> [INPUT MATERIAL]:
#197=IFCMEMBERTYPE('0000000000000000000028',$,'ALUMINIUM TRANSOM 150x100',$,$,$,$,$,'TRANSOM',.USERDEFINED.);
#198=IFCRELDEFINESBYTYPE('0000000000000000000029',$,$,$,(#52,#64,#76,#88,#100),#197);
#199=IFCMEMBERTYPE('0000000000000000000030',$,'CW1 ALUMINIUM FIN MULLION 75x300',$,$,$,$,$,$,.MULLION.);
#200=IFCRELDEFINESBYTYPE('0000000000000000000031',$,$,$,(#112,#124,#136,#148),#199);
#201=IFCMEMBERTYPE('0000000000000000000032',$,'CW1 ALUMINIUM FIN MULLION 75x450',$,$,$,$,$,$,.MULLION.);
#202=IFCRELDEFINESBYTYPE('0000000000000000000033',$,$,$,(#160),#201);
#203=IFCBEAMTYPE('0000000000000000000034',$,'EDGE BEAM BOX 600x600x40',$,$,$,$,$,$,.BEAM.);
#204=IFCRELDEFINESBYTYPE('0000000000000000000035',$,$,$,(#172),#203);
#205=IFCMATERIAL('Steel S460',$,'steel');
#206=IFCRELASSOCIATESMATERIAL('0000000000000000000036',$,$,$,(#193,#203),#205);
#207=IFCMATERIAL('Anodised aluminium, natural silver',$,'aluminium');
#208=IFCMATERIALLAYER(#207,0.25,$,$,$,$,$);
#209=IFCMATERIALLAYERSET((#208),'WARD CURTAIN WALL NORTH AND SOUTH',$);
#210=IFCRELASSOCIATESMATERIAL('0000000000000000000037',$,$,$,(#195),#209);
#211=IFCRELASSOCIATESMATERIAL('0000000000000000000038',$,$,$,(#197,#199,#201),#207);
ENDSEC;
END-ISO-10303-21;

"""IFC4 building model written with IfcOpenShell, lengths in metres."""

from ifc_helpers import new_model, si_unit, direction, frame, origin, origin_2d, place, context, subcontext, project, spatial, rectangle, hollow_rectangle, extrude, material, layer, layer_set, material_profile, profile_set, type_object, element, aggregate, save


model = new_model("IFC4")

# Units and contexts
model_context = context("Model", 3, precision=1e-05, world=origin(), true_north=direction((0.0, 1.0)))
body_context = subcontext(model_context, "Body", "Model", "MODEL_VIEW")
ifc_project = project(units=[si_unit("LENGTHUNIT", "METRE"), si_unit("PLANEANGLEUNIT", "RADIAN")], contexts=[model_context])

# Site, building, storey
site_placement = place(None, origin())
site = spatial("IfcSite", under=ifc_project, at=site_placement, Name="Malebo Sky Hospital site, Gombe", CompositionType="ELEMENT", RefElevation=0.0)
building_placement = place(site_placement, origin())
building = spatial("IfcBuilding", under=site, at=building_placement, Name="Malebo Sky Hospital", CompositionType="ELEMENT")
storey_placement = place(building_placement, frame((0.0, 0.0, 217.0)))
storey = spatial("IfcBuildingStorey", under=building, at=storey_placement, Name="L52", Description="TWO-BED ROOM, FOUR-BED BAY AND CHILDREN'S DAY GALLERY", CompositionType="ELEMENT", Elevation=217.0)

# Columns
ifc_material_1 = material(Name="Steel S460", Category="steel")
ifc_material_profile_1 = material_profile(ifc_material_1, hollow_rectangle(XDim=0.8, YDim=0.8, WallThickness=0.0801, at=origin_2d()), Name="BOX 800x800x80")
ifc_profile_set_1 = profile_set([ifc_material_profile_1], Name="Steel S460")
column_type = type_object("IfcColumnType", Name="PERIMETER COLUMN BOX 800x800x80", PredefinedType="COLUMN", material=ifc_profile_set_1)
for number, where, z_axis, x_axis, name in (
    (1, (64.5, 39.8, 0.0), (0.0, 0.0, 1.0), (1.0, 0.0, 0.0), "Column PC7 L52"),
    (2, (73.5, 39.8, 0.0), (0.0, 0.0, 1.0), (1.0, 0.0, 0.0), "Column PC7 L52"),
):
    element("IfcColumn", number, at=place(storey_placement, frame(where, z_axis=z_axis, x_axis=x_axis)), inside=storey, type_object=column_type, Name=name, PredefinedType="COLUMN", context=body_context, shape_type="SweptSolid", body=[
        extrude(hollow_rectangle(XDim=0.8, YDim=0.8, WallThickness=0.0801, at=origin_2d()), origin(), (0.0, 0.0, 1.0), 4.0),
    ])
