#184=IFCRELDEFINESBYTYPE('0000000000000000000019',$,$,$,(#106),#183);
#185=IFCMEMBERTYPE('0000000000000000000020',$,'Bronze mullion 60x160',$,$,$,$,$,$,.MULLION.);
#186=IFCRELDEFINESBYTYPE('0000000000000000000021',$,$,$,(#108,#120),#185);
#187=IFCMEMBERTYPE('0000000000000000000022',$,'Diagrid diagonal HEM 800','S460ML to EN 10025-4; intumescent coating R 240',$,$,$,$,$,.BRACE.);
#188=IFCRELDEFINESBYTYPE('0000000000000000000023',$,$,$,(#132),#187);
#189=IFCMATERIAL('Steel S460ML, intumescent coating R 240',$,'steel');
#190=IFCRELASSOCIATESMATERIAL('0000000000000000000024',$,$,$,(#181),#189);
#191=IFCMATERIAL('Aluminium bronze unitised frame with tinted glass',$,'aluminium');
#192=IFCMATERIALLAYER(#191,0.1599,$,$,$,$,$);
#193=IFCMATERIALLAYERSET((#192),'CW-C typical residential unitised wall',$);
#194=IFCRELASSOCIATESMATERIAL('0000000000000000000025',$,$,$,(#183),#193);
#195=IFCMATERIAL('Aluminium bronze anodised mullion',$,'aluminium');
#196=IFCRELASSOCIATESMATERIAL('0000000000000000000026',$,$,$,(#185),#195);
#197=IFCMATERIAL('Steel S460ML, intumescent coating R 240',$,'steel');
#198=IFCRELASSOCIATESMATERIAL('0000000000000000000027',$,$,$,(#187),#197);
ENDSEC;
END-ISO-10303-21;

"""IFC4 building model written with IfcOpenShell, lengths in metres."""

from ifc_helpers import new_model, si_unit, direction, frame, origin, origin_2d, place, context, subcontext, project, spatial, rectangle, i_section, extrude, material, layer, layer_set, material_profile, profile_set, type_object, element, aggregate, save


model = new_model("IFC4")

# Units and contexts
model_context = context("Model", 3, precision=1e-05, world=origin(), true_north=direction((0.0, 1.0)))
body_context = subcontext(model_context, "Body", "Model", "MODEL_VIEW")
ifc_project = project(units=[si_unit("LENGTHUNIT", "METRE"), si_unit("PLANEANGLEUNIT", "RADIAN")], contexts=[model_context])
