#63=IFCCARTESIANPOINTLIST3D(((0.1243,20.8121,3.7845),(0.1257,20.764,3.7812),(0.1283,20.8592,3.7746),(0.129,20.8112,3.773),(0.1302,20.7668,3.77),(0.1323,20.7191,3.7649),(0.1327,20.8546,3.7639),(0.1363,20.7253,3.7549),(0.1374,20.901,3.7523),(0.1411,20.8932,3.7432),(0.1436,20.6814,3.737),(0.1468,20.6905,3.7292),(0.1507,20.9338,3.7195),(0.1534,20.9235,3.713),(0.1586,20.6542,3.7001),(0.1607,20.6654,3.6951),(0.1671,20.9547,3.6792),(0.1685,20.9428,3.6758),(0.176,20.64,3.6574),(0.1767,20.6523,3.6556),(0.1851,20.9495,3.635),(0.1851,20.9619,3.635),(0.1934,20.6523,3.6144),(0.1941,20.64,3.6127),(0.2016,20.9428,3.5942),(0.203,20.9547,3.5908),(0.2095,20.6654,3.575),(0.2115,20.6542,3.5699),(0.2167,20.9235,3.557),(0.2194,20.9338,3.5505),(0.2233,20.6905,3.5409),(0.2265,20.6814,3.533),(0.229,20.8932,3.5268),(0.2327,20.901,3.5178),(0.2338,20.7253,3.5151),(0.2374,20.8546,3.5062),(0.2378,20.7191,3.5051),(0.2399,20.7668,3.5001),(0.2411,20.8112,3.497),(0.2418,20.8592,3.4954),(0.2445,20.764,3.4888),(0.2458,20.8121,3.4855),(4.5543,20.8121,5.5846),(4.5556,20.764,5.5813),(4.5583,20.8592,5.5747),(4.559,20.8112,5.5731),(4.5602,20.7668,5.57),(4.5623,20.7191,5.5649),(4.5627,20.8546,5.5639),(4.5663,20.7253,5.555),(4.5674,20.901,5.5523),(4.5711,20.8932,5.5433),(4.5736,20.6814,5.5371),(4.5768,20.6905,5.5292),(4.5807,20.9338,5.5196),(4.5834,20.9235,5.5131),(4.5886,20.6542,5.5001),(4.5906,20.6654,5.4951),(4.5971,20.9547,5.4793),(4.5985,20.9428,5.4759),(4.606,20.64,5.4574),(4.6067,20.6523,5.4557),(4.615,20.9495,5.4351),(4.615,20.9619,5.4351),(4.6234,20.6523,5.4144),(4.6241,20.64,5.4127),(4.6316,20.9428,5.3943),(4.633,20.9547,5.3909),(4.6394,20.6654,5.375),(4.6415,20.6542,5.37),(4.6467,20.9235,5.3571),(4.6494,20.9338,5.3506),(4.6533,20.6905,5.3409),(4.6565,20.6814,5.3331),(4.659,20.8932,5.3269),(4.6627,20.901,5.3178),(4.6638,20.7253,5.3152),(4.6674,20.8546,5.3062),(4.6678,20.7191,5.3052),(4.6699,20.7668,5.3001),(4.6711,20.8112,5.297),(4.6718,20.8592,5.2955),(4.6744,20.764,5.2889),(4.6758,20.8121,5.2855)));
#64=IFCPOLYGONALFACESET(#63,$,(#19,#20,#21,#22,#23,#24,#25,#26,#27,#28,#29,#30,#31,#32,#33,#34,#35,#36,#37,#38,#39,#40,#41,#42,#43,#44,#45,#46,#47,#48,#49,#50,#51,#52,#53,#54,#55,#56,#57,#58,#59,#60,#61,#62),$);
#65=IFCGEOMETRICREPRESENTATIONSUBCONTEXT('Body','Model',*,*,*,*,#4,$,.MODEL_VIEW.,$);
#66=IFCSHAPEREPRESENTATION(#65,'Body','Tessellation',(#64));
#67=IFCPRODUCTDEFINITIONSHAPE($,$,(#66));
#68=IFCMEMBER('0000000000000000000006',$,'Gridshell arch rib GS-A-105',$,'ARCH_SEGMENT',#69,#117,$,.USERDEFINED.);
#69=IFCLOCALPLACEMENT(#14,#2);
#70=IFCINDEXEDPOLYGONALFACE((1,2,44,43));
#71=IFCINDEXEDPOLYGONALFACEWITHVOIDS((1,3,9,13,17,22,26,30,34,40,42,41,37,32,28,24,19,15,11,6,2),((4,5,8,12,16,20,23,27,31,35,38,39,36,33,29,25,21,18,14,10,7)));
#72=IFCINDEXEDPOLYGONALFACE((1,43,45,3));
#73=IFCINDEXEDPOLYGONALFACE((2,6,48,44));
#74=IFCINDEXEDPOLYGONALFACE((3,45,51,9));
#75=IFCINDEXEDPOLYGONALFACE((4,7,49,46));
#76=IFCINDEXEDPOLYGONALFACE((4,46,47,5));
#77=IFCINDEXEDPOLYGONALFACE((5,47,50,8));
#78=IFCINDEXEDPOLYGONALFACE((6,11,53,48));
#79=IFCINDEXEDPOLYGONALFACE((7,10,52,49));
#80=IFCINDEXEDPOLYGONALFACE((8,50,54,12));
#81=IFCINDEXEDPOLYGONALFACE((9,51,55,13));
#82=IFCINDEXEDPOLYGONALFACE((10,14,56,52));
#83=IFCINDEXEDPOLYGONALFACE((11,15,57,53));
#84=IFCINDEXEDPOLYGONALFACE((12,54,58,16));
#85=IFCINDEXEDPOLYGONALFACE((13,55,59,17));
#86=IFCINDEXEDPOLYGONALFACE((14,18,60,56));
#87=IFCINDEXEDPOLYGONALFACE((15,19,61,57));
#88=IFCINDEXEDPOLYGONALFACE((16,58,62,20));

> [TASK STATEMENT]: Write out exactly the lines from the start of the material through the line with "#207=IFCMATERIAL('Anodised aluminium, natural". No other output is expected.

> [SOLUTION BELOW]:
#197=IFCMEMBERTYPE('0000000000000000000028',$,'ALUMINIUM TRANSOM 150x100',$,$,$,$,$,'TRANSOM',.USERDEFINED.);
#198=IFCRELDEFINESBYTYPE('0000000000000000000029',$,$,$,(#52,#64,#76,#88,#100),#197);
#199=IFCMEMBERTYPE('0000000000000000000030',$,'CW1 ALUMINIUM FIN MULLION 75x300',$,$,$,$,$,$,.MULLION.);
#200=IFCRELDEFINESBYTYPE('0000000000000000000031',$,$,$,(#112,#124,#136,#148),#199);
#201=IFCMEMBERTYPE('0000000000000000000032',$,'CW1 ALUMINIUM FIN MULLION 75x450',$,$,$,$,$,$,.MULLION.);
#202=IFCRELDEFINESBYTYPE('0000000000000000000033',$,$,$,(#160),#201);
#203=IFCBEAMTYPE('0000000000000000000034',$,'EDGE BEAM BOX 600x600x40',$,$,$,$,$,$,.BEAM.);
#204=IFCRELDEFINESBYTYPE('0000000000000000000035',$,$,$,(#172),#203);
#205=IFCMATERIAL('Steel S460',$,'steel');
#206=IFCRELASSOCIATESMATERIAL('0000000000000000000036',$,$,$,(#193,#203),#205);
#207=IFCMATERIAL('Anodised aluminium, natural silver',$,'aluminium');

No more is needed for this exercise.